[Collected data]
* * *
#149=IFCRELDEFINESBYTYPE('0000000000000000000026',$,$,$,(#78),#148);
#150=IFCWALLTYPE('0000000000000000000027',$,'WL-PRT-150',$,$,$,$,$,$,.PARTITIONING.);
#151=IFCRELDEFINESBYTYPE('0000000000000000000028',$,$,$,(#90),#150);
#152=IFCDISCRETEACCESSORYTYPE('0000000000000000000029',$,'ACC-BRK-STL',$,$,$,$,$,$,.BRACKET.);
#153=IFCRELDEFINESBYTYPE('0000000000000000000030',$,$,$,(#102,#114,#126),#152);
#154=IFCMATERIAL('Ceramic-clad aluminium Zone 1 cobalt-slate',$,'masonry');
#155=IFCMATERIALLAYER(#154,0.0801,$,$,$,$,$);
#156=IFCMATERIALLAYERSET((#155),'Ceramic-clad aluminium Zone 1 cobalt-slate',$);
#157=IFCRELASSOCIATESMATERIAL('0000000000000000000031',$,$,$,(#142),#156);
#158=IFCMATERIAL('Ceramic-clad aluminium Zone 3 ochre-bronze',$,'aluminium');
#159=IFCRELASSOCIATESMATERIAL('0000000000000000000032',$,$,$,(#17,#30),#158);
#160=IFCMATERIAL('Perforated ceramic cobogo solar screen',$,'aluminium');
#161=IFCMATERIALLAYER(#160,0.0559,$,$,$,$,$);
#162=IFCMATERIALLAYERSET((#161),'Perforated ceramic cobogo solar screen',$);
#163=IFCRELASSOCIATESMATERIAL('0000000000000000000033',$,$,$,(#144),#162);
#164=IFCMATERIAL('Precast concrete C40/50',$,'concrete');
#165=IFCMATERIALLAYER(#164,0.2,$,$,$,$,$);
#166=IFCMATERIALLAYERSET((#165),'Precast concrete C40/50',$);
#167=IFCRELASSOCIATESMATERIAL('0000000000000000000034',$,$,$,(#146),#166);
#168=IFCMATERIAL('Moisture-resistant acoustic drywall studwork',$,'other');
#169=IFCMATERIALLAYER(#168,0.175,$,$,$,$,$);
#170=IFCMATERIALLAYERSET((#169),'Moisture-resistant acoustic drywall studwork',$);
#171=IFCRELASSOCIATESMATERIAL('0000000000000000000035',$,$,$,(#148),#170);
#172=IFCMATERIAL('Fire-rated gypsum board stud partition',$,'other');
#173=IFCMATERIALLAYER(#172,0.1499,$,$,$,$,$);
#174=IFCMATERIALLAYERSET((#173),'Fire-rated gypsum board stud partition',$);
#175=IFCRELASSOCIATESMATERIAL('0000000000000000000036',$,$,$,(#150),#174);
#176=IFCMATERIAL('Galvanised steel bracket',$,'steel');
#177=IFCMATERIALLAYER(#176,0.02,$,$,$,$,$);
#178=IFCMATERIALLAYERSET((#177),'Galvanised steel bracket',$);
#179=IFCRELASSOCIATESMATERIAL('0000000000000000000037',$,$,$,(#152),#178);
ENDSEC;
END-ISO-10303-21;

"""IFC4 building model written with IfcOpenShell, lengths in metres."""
* * *
- **THE PROBLEM**
Show all lines from the records above where the word "solar" occurs.

- **REPLY**
#160=IFCMATERIAL('Perforated ceramic cobogo solar screen',$,'aluminium');
#162=IFCMATERIALLAYERSET((#161),'Perforated ceramic cobogo solar screen',$);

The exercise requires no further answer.